Wherever the string "IfcOwnerHistory" appears in a line of the listing below, report that line.
(GIVEN ENTRIES)
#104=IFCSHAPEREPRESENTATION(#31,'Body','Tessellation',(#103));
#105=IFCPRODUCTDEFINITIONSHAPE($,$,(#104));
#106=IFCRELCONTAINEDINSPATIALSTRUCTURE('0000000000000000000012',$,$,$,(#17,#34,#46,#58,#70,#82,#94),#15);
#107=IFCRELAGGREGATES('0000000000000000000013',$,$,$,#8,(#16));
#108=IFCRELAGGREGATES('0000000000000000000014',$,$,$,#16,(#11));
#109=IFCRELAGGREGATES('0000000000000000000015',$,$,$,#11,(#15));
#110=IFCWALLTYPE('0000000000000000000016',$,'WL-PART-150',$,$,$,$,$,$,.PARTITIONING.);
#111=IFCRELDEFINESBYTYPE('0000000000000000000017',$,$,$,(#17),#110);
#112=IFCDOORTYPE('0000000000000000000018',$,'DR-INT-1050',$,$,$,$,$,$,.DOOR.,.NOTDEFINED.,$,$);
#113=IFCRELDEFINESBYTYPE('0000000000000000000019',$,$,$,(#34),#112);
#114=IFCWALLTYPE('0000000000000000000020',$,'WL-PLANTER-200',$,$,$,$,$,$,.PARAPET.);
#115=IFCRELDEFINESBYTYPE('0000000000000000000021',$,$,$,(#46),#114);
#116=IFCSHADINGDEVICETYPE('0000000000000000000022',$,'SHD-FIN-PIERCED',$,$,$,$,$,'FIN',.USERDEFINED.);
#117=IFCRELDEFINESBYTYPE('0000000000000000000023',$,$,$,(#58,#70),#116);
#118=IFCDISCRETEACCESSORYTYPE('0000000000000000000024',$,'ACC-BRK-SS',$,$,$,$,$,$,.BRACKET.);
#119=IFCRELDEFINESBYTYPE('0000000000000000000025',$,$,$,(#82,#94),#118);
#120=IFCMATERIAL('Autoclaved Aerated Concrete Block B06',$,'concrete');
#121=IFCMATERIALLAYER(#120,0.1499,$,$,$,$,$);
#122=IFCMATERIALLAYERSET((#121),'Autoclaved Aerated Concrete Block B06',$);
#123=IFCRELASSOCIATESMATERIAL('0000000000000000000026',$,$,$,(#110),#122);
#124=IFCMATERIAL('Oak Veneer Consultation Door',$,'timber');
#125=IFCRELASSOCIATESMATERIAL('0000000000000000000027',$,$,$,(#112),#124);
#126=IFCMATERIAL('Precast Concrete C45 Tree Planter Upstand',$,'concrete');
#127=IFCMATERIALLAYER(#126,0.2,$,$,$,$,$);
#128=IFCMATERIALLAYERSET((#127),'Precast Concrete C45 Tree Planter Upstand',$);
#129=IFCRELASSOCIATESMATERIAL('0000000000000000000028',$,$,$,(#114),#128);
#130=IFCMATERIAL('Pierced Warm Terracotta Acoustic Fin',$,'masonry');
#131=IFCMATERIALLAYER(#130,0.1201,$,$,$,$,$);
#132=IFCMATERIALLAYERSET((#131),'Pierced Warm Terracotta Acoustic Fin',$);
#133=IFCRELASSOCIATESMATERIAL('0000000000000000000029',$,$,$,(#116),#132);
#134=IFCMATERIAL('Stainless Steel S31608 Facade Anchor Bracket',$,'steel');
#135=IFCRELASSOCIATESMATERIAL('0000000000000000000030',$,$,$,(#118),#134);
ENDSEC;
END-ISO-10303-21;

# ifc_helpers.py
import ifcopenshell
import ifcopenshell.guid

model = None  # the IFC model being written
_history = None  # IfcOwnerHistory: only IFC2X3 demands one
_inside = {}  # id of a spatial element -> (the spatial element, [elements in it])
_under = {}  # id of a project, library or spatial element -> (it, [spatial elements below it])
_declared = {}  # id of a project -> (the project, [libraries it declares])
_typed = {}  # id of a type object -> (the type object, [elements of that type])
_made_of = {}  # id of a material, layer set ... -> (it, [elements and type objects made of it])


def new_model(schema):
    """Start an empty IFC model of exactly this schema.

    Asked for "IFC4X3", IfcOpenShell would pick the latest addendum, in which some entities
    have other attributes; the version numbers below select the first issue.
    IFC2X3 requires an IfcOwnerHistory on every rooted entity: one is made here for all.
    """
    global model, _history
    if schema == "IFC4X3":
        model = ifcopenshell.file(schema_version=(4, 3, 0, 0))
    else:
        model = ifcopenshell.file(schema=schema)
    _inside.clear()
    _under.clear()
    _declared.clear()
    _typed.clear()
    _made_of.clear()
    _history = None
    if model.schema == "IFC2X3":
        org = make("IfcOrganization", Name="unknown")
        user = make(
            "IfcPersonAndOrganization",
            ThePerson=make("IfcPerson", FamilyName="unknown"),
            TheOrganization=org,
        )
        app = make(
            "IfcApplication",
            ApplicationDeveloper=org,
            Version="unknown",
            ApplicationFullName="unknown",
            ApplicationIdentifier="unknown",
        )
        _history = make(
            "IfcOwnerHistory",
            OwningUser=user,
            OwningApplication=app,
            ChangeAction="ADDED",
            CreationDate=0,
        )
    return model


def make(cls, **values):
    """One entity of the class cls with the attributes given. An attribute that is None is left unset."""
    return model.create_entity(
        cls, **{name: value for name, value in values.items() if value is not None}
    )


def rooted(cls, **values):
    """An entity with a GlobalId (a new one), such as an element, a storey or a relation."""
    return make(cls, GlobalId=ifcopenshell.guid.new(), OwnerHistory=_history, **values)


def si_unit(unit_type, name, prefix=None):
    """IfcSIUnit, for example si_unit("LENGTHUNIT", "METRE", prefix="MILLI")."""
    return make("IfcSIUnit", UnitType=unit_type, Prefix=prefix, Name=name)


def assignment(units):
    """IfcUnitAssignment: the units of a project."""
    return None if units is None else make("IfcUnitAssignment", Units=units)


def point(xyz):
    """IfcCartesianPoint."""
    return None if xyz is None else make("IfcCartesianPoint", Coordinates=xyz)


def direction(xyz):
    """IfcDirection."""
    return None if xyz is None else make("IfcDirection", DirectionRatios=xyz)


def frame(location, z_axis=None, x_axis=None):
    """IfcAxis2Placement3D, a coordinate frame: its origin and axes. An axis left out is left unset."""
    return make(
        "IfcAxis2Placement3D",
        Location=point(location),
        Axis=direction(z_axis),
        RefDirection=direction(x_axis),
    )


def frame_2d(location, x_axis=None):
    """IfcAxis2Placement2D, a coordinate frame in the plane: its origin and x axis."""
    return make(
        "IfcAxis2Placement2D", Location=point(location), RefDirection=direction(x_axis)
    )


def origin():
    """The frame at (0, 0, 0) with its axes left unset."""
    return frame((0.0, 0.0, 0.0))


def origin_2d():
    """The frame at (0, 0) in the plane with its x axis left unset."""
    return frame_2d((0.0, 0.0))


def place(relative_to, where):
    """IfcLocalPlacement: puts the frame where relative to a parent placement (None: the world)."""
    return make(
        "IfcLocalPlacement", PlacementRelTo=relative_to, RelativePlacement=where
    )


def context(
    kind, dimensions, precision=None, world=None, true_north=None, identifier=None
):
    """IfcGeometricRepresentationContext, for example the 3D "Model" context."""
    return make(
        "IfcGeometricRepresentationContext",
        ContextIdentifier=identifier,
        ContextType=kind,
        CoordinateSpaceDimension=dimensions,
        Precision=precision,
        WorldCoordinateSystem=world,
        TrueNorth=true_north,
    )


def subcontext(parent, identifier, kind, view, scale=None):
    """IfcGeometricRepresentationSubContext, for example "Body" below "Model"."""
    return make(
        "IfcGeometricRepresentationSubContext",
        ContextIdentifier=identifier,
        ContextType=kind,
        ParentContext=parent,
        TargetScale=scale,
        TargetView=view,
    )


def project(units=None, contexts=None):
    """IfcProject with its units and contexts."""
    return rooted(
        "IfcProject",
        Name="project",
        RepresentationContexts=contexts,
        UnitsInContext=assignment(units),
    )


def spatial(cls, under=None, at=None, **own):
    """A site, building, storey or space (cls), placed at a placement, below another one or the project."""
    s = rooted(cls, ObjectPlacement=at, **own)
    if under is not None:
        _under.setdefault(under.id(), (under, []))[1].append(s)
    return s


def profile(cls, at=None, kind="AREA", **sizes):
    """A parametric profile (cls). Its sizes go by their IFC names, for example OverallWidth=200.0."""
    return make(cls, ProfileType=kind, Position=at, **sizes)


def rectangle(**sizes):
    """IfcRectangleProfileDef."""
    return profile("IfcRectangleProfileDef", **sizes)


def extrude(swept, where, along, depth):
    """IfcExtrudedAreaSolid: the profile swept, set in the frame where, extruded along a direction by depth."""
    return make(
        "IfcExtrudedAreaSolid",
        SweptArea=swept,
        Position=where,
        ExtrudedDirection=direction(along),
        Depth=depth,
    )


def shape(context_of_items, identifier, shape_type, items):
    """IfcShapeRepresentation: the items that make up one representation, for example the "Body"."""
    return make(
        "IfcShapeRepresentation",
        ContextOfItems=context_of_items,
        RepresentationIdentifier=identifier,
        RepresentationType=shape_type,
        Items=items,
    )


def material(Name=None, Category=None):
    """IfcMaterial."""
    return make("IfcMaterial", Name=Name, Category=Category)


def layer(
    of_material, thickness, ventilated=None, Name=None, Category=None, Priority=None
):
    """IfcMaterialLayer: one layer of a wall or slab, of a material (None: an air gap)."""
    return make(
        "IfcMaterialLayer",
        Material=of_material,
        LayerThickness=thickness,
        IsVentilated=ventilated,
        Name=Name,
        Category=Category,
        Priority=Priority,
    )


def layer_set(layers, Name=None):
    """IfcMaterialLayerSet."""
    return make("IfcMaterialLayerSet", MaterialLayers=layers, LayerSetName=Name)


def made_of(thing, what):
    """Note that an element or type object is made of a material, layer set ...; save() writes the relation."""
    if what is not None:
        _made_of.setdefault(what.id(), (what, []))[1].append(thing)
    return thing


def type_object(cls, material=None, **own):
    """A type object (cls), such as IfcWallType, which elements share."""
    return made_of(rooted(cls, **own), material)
(End GIVEN ENTRIES)
### COMPLETED EXERCISE
_history = None  # IfcOwnerHistory: only IFC2X3 demands one
    IFC2X3 requires an IfcOwnerHistory on every rooted entity: one is made here for all.
            "IfcOwnerHistory",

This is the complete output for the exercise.